* EXERCISE REQUIREMENTS *
Below are some records. Copy every line in them that holds "insulated".

═══ WORKING DATA

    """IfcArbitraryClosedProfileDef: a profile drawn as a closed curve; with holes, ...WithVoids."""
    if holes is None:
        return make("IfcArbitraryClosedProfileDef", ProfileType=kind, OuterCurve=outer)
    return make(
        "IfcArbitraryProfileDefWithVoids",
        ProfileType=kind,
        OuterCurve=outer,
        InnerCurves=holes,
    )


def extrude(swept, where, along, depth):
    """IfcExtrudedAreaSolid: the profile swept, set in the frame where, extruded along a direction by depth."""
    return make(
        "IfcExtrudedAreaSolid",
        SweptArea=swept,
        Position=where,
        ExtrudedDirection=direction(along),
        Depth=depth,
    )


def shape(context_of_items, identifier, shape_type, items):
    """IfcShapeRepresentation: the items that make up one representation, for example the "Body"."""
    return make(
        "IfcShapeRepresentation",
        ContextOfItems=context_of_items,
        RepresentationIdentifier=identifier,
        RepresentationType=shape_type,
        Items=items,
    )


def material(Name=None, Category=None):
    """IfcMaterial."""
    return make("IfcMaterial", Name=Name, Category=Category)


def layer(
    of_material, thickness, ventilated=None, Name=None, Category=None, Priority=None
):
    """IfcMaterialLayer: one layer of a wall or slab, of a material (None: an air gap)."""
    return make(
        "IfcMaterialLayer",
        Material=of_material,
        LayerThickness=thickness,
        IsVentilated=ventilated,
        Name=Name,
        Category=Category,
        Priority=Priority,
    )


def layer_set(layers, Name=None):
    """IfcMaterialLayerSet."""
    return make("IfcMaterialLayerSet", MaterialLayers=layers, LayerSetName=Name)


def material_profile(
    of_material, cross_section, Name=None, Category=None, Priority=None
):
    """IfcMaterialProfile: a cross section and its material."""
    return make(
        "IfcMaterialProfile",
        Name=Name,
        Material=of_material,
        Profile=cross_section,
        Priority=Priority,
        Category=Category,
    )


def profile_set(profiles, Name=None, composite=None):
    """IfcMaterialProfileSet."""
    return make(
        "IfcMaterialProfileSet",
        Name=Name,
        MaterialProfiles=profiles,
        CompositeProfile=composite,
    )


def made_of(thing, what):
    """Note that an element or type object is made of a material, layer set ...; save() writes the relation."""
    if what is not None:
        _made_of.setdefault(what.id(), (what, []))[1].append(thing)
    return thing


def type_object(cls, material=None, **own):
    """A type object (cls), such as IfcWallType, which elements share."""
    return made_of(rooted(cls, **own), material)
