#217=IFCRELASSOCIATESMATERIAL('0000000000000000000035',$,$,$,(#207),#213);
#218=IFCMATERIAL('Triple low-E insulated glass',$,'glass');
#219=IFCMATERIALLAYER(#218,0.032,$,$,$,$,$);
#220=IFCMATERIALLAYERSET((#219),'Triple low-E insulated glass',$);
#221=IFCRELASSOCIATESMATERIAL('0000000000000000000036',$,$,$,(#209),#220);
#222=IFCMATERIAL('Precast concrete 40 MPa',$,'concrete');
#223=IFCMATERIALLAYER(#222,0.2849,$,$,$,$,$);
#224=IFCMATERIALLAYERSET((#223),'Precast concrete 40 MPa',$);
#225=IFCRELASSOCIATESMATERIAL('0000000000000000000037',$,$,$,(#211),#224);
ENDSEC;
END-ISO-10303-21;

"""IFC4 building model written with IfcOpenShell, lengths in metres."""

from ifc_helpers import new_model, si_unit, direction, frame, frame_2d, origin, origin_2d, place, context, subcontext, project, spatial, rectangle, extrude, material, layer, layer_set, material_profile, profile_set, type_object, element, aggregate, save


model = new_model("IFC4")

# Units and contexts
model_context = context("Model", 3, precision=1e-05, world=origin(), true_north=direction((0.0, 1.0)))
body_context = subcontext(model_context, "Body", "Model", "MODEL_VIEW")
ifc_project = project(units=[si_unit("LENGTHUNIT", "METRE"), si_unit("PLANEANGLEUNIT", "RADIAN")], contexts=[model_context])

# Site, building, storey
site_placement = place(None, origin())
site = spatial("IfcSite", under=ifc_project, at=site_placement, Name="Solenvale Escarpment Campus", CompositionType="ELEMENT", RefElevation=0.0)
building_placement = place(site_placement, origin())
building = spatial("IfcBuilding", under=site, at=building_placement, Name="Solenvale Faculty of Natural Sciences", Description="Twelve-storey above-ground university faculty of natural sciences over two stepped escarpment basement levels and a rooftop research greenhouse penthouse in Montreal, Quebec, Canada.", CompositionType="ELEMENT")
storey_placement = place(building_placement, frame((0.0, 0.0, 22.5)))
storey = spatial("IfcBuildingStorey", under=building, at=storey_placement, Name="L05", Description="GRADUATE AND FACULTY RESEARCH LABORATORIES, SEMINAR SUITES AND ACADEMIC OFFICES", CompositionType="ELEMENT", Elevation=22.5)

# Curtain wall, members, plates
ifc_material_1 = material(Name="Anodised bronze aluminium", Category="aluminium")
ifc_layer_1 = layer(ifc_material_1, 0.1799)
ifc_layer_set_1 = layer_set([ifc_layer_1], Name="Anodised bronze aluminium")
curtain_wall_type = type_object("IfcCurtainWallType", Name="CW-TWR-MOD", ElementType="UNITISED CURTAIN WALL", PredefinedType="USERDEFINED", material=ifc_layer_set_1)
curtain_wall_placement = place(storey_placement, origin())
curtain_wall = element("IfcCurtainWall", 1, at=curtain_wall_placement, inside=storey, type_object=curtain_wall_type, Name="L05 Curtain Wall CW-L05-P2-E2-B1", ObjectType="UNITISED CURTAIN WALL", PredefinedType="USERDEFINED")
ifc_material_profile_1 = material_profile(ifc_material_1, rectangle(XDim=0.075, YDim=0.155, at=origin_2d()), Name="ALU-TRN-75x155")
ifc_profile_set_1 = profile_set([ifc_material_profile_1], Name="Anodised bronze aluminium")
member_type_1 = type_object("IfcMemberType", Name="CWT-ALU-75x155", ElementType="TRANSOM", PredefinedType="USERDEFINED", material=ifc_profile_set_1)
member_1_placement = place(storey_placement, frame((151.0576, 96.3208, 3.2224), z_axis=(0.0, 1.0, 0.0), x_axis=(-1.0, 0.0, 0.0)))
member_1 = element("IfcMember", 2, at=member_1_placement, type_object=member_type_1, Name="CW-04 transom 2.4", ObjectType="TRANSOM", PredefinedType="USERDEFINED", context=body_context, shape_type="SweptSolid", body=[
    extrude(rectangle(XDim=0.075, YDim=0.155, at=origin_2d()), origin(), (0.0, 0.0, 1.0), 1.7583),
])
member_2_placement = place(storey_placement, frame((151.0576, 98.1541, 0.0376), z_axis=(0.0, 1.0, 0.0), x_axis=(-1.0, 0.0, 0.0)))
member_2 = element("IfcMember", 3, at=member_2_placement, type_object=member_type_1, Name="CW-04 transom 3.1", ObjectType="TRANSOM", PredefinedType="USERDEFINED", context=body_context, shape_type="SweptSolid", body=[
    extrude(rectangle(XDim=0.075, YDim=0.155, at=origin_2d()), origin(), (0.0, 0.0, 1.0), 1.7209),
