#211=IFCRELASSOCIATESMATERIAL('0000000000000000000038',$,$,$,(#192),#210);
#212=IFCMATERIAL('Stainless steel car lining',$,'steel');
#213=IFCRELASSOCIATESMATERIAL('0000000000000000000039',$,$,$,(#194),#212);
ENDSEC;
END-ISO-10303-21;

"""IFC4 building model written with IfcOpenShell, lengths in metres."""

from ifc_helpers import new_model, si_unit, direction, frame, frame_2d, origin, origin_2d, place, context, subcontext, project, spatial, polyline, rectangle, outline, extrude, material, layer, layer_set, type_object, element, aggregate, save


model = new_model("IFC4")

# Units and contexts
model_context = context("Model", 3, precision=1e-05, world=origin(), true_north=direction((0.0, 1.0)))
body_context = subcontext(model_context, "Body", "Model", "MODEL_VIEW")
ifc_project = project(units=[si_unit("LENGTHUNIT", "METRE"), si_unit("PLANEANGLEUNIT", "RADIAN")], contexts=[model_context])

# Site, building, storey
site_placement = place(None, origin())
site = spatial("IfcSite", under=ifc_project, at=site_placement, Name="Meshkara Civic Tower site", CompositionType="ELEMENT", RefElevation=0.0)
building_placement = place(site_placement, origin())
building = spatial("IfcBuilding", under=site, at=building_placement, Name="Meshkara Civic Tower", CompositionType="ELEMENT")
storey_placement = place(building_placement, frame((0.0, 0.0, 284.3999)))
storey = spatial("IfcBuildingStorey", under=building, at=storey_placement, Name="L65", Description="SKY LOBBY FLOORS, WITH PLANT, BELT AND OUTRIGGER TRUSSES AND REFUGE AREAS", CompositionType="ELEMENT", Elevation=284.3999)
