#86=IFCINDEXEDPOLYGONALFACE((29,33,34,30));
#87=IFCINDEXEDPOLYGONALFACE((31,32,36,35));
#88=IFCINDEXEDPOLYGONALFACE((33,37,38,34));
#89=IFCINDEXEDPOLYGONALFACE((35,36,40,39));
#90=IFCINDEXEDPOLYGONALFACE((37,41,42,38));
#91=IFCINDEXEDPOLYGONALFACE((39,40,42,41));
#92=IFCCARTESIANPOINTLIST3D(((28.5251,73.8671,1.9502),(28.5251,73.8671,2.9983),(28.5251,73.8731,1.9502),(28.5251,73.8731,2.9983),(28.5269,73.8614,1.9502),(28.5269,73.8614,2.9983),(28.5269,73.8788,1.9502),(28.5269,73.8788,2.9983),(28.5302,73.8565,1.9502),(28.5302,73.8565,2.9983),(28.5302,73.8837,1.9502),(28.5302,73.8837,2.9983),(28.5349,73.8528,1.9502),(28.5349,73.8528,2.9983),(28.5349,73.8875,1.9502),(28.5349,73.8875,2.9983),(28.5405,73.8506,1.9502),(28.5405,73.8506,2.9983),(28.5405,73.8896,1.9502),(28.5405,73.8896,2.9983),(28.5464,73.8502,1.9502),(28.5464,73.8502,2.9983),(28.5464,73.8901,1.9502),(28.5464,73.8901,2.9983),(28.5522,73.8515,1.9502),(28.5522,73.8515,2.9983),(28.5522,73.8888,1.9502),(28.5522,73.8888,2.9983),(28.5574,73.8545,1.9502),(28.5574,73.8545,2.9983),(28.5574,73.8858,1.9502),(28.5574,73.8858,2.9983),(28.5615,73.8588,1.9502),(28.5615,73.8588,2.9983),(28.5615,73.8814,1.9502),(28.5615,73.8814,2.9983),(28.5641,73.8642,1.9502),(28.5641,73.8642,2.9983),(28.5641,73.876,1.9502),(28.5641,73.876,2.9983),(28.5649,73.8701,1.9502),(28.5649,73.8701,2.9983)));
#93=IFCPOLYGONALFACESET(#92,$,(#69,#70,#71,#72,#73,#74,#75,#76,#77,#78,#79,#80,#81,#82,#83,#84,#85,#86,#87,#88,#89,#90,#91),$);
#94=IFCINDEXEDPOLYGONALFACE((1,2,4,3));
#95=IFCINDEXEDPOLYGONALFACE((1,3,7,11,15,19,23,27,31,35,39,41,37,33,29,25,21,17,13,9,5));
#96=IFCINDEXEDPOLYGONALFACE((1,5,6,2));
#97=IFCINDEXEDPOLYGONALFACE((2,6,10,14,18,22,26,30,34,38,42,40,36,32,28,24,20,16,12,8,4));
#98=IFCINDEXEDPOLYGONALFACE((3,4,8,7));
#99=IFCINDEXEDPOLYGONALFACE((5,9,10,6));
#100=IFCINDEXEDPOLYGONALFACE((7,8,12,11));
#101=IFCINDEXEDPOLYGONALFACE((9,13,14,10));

══════

* REPLY TO THE EXERCISE *
#218=IFCMATERIAL('Triple low-E insulated glass',$,'glass');
#220=IFCMATERIALLAYERSET((#219),'Triple low-E insulated glass',$);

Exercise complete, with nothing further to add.